PROVIDED ENTRIES ▸
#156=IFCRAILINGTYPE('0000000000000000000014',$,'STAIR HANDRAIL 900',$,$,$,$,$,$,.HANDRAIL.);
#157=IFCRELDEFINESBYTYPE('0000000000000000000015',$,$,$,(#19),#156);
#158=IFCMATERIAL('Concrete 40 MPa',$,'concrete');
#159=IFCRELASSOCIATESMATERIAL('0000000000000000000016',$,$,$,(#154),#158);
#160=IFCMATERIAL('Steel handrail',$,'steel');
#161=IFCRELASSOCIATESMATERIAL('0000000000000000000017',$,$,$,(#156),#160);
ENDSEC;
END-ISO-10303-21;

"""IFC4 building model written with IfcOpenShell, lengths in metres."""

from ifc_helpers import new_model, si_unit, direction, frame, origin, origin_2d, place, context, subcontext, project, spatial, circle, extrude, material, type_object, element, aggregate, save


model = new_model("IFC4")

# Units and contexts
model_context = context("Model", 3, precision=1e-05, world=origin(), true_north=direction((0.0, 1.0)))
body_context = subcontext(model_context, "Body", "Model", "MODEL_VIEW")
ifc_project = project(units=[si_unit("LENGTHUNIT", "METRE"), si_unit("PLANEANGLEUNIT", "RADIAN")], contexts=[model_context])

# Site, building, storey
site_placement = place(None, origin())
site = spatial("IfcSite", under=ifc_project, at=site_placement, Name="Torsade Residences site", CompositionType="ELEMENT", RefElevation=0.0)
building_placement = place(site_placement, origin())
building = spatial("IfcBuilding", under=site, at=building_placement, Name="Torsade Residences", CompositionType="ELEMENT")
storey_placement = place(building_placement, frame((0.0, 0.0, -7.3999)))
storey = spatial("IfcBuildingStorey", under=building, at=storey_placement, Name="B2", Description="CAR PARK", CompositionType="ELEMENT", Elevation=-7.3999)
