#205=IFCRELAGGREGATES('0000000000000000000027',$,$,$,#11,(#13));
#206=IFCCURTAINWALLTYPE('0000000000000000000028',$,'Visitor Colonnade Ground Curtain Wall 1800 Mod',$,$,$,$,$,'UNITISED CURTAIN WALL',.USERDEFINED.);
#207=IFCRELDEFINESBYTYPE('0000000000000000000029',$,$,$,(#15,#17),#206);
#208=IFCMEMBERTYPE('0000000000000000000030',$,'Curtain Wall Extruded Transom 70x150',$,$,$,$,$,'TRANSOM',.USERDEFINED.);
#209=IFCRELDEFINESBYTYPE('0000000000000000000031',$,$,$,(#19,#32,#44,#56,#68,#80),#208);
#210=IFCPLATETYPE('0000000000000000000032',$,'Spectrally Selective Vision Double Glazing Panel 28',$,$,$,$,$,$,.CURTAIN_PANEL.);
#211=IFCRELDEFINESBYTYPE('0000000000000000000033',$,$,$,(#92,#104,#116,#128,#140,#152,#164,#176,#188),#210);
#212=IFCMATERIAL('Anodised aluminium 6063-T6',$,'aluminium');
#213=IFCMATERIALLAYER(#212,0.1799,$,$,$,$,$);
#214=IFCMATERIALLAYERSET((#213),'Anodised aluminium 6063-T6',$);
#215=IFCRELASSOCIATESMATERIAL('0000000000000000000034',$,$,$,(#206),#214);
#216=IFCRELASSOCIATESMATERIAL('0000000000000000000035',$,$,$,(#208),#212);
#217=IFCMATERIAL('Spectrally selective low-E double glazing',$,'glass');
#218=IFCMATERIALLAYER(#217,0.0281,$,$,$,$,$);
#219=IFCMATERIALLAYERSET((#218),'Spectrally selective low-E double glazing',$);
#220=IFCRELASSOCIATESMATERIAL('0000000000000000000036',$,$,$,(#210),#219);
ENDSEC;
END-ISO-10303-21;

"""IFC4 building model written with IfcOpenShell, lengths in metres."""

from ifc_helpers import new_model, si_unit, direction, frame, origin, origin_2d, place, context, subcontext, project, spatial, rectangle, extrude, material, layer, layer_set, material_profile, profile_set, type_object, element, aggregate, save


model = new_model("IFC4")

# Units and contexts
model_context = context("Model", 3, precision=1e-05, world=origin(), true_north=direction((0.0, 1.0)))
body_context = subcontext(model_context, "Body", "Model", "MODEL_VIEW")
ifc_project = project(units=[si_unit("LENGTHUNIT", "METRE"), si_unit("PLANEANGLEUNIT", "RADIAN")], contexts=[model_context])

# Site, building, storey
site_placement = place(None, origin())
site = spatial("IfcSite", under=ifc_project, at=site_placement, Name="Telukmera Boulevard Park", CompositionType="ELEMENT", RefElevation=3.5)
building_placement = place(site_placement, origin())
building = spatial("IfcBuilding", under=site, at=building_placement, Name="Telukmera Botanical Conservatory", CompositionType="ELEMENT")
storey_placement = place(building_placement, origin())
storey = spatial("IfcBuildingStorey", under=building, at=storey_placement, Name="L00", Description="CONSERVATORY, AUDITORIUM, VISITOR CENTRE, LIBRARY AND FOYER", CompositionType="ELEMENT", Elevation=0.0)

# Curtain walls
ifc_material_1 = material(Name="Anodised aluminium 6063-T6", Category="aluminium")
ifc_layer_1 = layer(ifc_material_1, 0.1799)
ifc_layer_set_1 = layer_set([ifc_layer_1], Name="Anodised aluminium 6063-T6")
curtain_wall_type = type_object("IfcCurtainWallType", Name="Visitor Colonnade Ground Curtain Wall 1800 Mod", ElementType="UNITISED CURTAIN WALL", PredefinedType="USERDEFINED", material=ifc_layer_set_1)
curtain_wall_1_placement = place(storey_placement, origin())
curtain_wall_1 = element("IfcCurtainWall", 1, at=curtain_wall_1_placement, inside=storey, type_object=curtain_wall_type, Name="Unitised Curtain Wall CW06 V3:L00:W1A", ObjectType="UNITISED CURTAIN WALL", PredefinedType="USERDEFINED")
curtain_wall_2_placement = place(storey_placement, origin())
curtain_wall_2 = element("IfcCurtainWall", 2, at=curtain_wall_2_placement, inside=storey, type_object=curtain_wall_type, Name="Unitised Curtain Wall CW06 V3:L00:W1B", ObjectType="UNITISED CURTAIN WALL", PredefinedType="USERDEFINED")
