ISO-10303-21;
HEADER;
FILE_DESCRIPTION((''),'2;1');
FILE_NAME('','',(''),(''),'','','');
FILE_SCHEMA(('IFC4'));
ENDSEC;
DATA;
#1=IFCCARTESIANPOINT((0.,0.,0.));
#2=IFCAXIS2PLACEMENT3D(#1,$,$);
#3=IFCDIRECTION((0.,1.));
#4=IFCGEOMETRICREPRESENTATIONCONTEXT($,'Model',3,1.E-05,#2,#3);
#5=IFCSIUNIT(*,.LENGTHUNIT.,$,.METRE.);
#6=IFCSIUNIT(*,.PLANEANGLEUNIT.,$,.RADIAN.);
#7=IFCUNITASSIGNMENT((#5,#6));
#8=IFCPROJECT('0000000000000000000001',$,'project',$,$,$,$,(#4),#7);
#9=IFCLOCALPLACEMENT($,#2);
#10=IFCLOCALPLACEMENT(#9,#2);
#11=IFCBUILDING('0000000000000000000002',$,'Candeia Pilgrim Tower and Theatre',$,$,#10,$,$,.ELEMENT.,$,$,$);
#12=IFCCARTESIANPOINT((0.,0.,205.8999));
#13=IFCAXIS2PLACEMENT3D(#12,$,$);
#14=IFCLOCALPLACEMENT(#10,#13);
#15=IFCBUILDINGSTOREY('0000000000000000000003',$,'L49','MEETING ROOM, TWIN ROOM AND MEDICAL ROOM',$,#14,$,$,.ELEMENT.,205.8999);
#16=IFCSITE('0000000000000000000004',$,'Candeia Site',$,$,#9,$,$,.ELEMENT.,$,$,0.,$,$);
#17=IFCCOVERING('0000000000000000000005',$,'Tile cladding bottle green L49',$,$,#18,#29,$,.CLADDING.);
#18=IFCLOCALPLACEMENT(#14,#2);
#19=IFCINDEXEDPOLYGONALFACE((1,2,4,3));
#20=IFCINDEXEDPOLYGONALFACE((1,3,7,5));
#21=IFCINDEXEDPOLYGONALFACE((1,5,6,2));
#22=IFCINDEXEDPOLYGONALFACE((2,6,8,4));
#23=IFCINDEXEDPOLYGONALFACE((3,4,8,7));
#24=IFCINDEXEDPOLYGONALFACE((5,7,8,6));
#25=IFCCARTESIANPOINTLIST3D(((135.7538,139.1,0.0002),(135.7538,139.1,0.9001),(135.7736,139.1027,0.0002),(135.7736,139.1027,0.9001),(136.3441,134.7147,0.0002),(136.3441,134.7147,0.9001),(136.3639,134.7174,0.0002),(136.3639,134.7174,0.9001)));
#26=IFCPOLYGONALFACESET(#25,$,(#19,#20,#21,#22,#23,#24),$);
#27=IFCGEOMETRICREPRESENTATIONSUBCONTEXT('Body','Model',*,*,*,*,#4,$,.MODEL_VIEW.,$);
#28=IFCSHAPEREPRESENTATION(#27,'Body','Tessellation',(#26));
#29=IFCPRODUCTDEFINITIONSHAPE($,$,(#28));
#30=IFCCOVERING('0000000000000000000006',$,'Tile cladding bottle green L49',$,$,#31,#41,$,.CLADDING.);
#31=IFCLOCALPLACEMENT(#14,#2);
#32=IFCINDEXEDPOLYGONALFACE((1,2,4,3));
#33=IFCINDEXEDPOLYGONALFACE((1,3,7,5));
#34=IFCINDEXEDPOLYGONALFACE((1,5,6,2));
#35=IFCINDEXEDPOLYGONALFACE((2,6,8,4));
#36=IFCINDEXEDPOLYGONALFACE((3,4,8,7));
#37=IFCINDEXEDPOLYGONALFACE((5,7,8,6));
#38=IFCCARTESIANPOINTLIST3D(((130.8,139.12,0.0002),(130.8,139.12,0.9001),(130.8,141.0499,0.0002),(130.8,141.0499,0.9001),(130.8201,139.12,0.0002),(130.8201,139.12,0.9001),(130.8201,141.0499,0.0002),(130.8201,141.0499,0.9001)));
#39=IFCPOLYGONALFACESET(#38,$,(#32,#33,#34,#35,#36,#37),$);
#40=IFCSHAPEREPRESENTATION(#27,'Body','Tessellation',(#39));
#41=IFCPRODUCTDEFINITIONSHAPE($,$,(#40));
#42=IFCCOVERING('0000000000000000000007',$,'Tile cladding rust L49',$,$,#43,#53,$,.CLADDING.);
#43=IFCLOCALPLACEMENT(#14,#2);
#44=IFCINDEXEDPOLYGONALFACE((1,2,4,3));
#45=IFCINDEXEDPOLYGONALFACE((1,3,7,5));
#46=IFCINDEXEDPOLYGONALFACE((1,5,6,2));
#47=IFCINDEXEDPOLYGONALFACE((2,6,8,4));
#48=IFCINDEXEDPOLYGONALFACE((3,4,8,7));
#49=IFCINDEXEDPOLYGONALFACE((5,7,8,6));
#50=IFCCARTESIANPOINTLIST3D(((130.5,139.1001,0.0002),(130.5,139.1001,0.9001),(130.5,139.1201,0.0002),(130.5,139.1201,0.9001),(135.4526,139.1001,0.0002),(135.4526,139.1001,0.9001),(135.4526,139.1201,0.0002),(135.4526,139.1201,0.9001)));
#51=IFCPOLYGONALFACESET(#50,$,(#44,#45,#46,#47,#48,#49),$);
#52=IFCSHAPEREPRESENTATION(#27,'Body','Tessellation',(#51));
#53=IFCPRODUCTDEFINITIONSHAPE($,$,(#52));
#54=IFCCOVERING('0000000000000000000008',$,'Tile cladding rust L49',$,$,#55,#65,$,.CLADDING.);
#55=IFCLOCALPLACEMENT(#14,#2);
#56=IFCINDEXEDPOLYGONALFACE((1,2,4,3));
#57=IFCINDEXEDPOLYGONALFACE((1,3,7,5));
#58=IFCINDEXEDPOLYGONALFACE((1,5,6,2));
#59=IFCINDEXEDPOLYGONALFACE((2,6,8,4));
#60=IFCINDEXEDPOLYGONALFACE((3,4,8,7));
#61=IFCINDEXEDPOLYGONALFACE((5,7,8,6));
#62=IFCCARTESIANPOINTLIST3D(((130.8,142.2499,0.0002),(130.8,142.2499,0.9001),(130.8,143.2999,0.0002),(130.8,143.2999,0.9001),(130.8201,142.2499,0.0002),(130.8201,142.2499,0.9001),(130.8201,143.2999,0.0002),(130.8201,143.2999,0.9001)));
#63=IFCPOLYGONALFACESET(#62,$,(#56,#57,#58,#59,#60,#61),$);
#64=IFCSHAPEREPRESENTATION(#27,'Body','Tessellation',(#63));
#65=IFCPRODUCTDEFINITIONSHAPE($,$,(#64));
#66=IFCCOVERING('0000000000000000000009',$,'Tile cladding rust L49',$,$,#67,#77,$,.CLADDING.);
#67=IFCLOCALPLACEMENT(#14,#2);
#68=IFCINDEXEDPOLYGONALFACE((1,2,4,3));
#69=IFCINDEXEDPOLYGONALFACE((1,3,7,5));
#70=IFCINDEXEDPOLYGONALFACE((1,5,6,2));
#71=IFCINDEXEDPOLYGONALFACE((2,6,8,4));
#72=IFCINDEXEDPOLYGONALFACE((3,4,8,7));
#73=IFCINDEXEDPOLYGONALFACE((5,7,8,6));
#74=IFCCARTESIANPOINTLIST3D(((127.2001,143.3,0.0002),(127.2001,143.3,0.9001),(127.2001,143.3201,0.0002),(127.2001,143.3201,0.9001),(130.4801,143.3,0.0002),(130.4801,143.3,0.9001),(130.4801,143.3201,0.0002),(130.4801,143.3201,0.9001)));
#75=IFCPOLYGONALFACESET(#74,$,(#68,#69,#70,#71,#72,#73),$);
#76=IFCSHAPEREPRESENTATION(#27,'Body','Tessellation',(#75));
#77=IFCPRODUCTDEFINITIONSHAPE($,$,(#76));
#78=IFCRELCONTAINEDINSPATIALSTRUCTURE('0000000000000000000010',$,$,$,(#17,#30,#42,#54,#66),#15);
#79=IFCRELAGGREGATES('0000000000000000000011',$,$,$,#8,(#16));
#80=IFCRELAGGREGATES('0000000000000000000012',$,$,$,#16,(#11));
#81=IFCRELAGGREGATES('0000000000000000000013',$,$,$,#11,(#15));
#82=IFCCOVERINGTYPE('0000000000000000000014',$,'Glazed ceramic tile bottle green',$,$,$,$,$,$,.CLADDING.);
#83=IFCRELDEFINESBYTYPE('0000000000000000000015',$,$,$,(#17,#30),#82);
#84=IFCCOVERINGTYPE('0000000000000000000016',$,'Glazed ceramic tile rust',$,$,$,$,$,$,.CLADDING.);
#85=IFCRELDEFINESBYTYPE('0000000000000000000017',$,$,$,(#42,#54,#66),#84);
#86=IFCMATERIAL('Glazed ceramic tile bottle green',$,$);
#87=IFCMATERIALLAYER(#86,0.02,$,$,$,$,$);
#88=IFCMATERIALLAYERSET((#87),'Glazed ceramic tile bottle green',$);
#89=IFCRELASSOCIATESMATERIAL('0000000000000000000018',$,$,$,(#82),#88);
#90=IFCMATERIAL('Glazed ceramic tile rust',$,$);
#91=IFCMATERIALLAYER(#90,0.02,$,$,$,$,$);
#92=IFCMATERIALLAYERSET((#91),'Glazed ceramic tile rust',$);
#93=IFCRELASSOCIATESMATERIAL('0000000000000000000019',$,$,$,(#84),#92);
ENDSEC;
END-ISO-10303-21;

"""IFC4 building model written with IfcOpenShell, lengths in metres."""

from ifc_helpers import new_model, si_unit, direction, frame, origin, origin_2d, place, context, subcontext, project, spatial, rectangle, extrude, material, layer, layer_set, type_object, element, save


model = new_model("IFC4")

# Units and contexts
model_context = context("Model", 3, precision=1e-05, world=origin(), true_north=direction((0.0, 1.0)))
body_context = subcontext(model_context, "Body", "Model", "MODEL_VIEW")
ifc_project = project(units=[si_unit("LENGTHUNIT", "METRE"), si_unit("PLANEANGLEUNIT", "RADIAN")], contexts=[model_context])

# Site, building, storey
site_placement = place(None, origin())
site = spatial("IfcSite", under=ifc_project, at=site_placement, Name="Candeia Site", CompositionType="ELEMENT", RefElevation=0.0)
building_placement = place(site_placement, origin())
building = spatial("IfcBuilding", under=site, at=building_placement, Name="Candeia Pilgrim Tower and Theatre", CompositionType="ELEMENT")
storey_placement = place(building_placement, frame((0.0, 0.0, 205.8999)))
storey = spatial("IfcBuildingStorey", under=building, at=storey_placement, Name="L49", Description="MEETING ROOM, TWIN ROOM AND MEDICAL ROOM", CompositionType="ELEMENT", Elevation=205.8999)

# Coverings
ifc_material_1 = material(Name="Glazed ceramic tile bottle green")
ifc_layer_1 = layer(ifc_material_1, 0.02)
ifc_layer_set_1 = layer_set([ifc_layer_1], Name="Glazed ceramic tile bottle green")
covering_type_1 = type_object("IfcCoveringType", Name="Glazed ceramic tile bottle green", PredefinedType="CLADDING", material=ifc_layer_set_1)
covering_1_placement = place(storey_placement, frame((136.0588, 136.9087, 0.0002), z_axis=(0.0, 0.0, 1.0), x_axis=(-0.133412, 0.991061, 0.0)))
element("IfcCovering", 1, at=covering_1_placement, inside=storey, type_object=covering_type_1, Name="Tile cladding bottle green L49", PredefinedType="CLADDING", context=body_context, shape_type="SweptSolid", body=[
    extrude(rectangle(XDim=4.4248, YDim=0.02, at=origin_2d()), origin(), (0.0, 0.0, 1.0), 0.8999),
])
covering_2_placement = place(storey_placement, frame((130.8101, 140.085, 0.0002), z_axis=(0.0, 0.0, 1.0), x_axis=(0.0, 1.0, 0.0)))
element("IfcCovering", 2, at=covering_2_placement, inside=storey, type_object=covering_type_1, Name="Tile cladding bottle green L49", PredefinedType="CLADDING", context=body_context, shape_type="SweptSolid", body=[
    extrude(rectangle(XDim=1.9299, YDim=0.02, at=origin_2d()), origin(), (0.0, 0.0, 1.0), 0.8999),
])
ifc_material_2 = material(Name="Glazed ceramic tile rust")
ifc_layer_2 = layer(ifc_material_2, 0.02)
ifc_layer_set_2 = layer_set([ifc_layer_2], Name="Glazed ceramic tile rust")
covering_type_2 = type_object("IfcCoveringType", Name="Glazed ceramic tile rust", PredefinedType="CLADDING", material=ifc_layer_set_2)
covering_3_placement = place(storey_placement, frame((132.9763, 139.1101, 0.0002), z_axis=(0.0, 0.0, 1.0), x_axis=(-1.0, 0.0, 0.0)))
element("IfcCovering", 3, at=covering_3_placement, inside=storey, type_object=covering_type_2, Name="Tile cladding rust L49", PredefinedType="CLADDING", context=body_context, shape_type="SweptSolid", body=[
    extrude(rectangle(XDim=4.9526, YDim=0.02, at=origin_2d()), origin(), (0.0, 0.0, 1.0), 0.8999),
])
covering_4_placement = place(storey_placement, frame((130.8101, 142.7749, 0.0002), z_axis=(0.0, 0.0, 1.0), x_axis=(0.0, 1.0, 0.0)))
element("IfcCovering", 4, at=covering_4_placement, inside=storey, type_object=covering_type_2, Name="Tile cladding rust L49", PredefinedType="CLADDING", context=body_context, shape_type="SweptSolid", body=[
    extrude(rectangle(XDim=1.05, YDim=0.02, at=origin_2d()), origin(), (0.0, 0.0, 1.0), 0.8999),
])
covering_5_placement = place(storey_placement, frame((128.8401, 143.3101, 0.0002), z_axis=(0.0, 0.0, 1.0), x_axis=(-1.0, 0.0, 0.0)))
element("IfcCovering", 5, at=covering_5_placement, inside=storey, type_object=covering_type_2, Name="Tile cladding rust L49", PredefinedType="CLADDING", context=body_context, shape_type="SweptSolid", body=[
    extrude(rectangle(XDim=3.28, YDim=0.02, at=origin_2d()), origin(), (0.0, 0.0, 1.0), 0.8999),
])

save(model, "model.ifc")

==

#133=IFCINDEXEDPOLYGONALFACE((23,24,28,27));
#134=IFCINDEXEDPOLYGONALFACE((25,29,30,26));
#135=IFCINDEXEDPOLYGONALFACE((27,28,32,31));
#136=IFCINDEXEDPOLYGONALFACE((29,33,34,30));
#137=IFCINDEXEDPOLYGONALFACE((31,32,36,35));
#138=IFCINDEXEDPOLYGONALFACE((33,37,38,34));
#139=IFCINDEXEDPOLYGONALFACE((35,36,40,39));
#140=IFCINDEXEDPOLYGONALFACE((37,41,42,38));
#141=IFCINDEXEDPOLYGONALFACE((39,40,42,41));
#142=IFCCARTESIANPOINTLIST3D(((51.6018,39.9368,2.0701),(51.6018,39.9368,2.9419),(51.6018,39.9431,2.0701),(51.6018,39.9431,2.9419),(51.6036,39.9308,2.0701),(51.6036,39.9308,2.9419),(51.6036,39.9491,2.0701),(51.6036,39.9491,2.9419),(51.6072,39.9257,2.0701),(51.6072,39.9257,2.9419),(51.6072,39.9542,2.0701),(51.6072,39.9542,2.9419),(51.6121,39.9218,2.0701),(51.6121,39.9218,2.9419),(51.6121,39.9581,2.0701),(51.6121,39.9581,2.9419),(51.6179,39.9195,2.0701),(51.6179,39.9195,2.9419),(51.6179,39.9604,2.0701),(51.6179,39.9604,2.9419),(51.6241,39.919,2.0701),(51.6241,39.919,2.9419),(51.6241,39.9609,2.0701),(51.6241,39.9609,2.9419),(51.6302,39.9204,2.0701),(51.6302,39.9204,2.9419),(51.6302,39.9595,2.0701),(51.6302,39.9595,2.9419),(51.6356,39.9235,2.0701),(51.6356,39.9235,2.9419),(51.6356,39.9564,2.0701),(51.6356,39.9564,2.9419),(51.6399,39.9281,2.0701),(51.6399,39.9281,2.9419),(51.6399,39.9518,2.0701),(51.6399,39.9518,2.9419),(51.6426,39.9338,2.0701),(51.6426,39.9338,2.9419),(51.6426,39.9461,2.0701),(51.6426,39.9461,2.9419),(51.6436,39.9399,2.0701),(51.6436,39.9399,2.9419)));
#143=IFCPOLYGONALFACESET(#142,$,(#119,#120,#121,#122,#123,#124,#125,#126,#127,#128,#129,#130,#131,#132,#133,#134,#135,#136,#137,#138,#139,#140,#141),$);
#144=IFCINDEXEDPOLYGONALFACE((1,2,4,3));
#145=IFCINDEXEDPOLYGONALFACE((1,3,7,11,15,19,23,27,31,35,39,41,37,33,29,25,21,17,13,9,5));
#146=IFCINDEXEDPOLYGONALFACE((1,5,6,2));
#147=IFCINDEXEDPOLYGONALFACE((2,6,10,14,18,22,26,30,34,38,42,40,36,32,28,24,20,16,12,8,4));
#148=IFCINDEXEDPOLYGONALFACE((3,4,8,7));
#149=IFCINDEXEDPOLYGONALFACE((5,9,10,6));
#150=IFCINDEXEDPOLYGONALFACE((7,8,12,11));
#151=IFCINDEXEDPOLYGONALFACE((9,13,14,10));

AIM OF THE EXERCISE ▸ Look through the material above and print exactly the lines from the one containing "#134=IFCINDEXEDPOLYGONALFACE((25,29,30,26));" to the one containing "#141=IFCINDEXEDPOLYGONALFACE((39,40,42,41));", both included, and nothing more.

COMPLETED EXERCISE ▸
#134=IFCINDEXEDPOLYGONALFACE((25,29,30,26));
#135=IFCINDEXEDPOLYGONALFACE((27,28,32,31));
#136=IFCINDEXEDPOLYGONALFACE((29,33,34,30));
#137=IFCINDEXEDPOLYGONALFACE((31,32,36,35));
#138=IFCINDEXEDPOLYGONALFACE((33,37,38,34));
#139=IFCINDEXEDPOLYGONALFACE((35,36,40,39));
#140=IFCINDEXEDPOLYGONALFACE((37,41,42,38));
#141=IFCINDEXEDPOLYGONALFACE((39,40,42,41));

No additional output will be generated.